What you need to do: Copy out each line of the data below in which the string "IFCMATERIALLAYERSET" appears.

Stored items:
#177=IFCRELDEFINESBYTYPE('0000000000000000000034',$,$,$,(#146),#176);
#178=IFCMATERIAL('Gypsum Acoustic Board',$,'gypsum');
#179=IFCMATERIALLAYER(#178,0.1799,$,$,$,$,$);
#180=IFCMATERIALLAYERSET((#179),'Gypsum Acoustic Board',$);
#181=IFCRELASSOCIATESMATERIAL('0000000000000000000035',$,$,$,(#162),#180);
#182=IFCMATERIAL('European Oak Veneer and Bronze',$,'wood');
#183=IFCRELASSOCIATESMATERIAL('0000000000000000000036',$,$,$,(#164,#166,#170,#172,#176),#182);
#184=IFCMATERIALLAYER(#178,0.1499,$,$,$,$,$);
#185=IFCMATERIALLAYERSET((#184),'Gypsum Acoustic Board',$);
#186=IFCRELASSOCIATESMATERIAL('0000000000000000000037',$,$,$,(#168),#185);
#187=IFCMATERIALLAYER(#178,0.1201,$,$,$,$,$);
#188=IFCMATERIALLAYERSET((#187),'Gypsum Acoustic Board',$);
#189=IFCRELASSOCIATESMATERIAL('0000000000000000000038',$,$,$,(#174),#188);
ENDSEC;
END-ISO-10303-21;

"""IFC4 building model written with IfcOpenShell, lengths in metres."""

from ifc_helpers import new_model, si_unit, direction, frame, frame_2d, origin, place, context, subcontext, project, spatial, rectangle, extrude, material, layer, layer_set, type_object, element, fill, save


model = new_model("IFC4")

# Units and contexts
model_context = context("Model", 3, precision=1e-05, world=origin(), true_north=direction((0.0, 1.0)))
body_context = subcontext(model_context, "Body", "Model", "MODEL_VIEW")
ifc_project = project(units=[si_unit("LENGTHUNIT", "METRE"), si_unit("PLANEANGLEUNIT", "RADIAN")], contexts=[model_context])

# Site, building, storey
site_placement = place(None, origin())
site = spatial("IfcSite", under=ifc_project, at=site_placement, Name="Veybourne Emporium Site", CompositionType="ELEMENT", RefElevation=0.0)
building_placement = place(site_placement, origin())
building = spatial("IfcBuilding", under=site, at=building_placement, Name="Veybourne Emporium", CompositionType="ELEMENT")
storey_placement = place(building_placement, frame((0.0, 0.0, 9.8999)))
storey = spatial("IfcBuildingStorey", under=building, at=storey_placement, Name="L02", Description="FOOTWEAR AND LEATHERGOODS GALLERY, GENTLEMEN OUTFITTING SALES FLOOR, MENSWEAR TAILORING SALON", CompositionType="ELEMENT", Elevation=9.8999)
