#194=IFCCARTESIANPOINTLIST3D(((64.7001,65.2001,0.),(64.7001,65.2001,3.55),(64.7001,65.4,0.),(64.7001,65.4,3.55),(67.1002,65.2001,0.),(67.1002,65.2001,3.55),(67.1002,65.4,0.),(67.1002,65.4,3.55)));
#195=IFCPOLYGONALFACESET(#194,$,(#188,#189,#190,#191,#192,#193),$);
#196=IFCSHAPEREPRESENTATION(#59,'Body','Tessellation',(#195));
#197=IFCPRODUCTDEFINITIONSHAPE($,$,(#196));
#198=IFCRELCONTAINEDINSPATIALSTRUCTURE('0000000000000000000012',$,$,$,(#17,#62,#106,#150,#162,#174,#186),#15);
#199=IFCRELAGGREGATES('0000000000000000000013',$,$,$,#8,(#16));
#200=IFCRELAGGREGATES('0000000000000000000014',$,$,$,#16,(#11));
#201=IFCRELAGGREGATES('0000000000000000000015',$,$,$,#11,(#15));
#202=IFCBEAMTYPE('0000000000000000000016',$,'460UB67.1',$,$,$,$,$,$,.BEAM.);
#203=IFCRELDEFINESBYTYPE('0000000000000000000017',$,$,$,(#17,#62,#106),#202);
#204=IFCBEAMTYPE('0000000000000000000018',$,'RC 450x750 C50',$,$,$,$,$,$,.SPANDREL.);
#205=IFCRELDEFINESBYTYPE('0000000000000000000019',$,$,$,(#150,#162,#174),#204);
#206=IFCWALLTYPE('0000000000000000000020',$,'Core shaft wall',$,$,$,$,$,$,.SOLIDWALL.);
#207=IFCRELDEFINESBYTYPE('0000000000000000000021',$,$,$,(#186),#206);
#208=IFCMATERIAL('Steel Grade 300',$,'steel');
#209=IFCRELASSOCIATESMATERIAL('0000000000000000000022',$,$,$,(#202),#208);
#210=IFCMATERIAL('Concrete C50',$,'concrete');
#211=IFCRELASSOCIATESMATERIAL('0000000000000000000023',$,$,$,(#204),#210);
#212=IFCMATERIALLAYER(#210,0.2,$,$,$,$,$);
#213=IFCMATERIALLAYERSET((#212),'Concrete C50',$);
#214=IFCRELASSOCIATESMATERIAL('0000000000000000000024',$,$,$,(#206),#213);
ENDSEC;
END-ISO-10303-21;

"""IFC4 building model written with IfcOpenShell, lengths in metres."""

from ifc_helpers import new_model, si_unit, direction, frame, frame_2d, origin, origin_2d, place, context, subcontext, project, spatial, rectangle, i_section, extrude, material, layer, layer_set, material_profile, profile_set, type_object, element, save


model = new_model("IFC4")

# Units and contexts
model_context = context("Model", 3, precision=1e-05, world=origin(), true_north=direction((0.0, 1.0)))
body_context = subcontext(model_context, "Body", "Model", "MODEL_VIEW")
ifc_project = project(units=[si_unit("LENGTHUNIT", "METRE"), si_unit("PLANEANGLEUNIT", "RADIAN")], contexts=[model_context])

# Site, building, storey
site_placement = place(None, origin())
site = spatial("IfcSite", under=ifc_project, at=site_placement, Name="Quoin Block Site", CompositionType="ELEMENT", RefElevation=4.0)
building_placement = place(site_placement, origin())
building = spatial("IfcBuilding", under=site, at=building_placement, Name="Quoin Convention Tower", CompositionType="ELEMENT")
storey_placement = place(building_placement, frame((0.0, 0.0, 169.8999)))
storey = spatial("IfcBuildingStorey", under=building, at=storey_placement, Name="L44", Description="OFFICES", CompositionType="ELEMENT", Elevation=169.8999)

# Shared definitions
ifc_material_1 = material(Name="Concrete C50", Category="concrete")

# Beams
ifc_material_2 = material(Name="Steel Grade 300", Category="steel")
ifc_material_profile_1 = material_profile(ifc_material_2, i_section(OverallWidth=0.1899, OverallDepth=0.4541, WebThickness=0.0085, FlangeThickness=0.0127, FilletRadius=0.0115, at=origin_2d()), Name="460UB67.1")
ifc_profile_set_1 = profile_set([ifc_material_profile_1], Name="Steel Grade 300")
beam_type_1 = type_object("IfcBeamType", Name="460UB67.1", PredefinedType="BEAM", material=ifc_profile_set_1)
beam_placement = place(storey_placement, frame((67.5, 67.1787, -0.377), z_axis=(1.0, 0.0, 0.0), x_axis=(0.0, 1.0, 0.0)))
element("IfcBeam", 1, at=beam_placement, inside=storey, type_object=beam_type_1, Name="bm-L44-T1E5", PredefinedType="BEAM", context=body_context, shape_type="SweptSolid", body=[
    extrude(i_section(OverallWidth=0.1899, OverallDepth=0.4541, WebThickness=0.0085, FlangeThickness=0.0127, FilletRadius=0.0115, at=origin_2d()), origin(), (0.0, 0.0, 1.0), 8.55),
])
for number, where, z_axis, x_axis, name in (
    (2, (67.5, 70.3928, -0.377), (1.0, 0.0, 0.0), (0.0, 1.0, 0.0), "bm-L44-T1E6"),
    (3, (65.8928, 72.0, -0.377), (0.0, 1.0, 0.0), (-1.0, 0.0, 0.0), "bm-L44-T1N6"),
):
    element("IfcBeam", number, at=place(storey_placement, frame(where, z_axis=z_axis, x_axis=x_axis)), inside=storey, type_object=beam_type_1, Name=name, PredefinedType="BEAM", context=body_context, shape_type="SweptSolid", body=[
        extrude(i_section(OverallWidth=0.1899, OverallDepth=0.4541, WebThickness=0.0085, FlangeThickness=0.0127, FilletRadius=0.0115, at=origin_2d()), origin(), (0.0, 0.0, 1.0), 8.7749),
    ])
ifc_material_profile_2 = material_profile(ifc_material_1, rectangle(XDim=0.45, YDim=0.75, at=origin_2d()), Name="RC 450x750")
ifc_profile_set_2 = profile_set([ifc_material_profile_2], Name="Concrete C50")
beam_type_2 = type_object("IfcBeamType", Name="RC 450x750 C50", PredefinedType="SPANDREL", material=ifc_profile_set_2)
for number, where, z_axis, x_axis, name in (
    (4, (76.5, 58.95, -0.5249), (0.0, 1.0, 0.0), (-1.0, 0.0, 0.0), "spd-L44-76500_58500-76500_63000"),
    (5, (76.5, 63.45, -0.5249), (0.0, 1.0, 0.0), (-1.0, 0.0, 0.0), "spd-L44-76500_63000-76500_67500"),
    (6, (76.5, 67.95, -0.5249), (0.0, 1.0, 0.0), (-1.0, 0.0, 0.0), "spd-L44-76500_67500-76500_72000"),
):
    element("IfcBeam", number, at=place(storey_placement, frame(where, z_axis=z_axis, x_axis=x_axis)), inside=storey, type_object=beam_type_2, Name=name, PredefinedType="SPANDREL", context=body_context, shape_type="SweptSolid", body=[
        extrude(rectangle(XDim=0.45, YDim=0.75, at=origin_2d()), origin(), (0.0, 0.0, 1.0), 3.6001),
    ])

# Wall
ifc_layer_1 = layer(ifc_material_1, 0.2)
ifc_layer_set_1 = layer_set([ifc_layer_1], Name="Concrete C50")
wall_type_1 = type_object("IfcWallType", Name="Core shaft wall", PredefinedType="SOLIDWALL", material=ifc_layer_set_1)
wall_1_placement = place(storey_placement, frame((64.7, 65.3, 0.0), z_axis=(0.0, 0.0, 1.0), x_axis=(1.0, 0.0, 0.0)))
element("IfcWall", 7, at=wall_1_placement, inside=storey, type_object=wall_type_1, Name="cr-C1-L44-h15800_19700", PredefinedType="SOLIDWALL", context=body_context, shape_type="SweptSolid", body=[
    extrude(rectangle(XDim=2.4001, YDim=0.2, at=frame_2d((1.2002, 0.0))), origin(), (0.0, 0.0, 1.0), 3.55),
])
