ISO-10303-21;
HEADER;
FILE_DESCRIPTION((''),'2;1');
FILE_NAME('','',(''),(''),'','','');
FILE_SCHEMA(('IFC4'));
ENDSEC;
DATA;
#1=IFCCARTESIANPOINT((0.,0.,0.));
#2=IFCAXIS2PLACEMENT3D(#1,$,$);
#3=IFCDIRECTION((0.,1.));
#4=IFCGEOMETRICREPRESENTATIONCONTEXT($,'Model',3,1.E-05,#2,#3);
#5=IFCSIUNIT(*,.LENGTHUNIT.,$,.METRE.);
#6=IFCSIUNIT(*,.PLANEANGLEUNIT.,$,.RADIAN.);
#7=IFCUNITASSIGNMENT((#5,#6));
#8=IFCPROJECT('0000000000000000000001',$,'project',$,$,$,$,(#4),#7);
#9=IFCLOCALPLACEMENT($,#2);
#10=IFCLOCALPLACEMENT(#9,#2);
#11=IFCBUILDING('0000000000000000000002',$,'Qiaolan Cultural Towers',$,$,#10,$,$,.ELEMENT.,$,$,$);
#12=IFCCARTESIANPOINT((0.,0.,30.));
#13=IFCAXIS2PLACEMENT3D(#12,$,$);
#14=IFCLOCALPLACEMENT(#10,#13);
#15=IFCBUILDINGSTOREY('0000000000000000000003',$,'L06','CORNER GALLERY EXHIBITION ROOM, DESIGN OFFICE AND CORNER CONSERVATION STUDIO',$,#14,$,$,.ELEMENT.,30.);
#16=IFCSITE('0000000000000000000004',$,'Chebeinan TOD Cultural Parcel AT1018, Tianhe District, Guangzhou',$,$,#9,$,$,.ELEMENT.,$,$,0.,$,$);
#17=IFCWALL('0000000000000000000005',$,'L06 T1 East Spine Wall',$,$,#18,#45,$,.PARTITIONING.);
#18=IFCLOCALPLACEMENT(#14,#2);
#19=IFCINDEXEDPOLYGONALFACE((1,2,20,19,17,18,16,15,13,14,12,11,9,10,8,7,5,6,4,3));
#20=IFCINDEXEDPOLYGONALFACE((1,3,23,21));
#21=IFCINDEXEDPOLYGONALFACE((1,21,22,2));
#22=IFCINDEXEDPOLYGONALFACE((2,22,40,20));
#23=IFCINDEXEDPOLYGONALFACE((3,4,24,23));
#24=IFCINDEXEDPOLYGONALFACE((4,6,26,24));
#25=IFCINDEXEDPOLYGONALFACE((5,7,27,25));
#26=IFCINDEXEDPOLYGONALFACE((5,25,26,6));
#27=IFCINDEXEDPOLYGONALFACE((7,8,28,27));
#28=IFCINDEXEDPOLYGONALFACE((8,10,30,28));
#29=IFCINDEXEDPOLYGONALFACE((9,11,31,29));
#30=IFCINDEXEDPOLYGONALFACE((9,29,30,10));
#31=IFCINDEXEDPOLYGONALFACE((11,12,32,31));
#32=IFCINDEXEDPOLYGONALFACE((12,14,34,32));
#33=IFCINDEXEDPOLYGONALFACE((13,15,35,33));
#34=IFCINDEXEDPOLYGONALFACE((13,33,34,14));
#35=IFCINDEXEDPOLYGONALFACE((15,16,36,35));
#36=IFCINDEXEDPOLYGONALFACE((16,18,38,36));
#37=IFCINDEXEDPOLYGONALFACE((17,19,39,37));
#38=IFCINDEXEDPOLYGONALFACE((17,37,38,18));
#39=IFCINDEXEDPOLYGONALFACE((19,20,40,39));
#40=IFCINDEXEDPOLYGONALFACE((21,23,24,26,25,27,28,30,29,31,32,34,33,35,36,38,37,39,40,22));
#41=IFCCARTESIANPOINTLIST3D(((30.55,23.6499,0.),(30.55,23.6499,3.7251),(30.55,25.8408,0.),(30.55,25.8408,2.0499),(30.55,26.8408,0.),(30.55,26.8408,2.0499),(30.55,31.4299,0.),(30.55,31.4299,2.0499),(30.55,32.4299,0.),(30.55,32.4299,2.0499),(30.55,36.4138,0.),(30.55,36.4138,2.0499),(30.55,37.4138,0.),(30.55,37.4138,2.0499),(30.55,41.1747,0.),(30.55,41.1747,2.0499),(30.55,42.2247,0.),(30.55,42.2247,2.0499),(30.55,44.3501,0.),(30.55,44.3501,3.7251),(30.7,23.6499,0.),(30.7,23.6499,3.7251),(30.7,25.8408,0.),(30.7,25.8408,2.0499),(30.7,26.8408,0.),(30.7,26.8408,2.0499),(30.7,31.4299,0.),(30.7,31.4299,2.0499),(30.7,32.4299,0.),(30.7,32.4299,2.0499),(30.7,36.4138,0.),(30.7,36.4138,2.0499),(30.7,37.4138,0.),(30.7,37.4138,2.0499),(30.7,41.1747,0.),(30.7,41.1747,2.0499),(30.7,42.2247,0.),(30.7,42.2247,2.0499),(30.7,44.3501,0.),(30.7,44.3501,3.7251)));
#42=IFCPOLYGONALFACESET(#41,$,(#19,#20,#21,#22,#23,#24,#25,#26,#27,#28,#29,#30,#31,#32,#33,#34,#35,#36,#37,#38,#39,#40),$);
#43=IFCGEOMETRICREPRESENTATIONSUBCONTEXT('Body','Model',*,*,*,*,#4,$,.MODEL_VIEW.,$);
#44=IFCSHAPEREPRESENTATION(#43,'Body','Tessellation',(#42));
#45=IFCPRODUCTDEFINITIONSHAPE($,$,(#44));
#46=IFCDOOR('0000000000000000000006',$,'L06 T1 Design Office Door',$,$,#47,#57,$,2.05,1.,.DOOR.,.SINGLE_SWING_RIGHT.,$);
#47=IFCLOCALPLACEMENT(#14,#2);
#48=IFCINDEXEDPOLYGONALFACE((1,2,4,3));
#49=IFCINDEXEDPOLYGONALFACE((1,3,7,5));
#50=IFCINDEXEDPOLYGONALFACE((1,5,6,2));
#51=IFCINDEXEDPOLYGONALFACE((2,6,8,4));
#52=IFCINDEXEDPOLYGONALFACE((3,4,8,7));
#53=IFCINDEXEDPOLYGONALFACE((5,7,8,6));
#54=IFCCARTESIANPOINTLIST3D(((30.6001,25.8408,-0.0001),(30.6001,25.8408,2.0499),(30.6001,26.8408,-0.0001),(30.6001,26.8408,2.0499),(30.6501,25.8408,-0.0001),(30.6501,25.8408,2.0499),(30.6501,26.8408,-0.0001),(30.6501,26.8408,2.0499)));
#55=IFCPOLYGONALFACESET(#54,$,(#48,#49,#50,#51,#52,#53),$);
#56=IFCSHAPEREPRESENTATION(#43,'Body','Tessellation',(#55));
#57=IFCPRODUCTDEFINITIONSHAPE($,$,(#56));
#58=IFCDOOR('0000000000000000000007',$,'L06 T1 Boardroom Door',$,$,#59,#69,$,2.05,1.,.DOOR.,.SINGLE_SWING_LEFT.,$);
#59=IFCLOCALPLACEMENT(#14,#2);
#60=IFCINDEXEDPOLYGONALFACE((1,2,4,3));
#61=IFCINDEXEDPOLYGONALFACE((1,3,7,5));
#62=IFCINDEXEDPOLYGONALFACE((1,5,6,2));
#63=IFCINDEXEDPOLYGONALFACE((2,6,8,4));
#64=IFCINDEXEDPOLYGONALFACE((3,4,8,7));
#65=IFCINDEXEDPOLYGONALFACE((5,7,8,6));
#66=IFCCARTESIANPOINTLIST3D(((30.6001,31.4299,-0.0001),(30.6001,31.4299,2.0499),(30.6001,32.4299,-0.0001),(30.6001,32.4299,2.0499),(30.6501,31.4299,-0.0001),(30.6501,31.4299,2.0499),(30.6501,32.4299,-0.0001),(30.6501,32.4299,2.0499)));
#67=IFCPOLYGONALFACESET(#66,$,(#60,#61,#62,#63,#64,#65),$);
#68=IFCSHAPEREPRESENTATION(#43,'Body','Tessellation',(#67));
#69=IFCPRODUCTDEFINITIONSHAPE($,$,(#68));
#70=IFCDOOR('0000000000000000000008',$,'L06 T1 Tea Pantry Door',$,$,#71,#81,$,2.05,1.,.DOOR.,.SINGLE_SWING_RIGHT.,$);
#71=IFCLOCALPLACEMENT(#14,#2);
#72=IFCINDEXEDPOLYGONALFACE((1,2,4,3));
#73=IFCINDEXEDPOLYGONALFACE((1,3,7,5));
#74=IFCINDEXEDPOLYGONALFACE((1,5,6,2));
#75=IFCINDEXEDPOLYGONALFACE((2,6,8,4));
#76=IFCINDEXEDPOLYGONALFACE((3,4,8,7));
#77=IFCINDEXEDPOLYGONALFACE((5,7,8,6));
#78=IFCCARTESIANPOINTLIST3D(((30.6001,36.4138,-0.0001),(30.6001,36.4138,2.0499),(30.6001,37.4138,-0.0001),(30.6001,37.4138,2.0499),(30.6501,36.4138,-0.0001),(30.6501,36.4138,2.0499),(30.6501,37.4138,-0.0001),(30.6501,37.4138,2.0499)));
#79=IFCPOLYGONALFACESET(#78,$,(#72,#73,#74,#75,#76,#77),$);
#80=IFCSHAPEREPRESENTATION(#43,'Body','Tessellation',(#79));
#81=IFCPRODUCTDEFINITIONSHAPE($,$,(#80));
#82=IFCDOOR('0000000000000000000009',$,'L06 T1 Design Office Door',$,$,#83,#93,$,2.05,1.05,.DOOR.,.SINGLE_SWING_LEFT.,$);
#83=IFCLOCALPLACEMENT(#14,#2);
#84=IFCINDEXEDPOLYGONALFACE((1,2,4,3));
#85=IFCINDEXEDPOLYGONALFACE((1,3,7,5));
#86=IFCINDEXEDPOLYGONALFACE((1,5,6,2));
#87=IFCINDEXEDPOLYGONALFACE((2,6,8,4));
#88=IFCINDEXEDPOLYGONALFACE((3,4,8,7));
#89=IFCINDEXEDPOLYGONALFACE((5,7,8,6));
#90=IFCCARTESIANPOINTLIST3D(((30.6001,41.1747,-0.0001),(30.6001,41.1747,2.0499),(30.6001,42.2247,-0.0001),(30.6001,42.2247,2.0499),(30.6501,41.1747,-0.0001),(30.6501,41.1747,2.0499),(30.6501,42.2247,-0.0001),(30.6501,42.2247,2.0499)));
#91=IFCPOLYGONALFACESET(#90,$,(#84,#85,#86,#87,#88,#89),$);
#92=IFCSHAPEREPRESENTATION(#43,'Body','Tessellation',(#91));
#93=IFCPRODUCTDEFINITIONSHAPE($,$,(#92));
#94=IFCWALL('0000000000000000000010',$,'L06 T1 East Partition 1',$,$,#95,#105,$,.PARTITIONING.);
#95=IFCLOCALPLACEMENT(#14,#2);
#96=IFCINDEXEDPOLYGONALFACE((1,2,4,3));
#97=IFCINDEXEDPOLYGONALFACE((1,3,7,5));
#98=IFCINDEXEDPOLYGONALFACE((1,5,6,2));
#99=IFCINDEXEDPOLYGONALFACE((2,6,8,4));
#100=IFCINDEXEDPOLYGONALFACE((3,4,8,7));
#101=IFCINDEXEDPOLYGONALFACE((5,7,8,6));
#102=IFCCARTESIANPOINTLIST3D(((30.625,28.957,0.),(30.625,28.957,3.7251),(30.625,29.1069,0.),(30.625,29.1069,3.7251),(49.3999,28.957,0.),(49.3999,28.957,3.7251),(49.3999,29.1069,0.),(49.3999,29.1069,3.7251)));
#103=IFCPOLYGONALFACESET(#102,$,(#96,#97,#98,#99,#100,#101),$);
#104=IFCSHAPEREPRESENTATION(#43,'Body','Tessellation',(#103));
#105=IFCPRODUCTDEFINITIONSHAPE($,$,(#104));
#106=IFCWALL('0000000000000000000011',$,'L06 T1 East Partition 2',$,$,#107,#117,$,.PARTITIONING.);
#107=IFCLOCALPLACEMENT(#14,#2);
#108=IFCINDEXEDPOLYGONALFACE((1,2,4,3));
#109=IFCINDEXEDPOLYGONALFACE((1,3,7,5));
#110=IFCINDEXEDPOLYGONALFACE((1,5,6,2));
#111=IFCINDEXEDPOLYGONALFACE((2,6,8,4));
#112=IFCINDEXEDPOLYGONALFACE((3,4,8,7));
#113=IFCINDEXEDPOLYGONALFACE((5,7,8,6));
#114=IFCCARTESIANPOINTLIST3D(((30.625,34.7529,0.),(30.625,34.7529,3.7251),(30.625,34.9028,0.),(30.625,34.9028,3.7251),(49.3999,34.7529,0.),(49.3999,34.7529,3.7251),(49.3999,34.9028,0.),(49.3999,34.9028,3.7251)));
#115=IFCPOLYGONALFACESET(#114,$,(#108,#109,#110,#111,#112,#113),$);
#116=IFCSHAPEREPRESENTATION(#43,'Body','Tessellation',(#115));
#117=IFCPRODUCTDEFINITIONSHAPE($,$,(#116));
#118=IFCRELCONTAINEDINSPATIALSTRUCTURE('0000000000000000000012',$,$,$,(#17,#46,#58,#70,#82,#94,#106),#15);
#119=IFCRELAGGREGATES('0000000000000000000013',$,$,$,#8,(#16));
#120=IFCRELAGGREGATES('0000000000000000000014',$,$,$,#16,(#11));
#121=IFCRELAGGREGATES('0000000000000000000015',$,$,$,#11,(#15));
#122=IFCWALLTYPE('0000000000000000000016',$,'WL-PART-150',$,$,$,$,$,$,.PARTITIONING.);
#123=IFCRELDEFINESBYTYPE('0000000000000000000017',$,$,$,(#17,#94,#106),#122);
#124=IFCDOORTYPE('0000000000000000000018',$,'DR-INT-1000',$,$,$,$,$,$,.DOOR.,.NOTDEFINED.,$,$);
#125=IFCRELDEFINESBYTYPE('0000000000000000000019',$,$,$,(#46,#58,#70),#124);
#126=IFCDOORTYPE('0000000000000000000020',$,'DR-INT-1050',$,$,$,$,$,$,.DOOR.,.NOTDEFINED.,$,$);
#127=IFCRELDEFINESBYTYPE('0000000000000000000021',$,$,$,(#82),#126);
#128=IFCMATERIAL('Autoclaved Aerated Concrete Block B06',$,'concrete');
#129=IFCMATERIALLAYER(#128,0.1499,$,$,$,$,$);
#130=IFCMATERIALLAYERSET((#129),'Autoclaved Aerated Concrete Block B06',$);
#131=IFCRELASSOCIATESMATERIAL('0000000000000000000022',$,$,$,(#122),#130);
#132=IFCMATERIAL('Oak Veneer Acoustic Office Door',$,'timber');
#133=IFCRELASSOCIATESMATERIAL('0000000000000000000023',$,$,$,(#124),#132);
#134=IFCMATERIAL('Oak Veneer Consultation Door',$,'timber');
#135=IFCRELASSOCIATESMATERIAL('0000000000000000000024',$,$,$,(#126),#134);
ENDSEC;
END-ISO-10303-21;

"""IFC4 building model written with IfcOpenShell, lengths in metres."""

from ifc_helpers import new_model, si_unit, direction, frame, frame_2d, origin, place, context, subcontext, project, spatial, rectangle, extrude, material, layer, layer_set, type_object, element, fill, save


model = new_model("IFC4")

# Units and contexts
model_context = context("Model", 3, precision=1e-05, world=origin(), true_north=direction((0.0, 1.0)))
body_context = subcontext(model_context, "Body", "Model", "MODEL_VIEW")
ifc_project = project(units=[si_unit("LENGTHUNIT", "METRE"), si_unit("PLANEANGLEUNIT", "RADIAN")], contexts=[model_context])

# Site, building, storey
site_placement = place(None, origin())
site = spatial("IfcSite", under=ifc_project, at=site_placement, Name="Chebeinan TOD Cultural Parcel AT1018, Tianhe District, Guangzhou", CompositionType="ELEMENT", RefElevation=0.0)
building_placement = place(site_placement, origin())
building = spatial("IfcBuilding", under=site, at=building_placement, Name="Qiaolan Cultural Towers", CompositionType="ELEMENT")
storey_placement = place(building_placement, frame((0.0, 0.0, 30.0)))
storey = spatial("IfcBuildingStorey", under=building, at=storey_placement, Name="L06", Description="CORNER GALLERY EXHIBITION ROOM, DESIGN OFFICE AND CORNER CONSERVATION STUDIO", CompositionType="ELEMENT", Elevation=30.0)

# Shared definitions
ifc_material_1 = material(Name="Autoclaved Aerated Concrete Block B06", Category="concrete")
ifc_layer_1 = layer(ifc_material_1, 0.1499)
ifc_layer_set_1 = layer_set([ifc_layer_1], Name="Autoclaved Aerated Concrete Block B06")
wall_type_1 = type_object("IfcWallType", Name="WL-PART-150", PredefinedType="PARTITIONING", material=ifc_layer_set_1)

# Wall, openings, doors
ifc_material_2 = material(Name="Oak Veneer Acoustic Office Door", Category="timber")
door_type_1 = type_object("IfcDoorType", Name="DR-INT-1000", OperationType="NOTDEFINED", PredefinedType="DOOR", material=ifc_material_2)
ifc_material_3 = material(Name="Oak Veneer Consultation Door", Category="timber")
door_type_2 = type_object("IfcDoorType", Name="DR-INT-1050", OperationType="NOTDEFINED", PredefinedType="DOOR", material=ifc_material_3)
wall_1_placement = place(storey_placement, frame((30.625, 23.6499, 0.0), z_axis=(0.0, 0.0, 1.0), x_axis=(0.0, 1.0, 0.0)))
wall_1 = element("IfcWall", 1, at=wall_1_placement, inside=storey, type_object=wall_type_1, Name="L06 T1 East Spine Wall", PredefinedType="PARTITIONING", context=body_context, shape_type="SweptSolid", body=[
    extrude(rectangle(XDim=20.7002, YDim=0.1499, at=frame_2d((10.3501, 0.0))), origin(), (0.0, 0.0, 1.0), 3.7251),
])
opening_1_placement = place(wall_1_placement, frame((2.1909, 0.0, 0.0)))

Solution to the exercise:
#180=IFCMATERIALLAYERSET((#179),'Gypsum Acoustic Board',$);
#185=IFCMATERIALLAYERSET((#184),'Gypsum Acoustic Board',$);
#188=IFCMATERIALLAYERSET((#187),'Gypsum Acoustic Board',$);
#213=IFCMATERIALLAYERSET((#212),'Concrete C50',$);
#130=IFCMATERIALLAYERSET((#129),'Autoclaved Aerated Concrete Block B06',$);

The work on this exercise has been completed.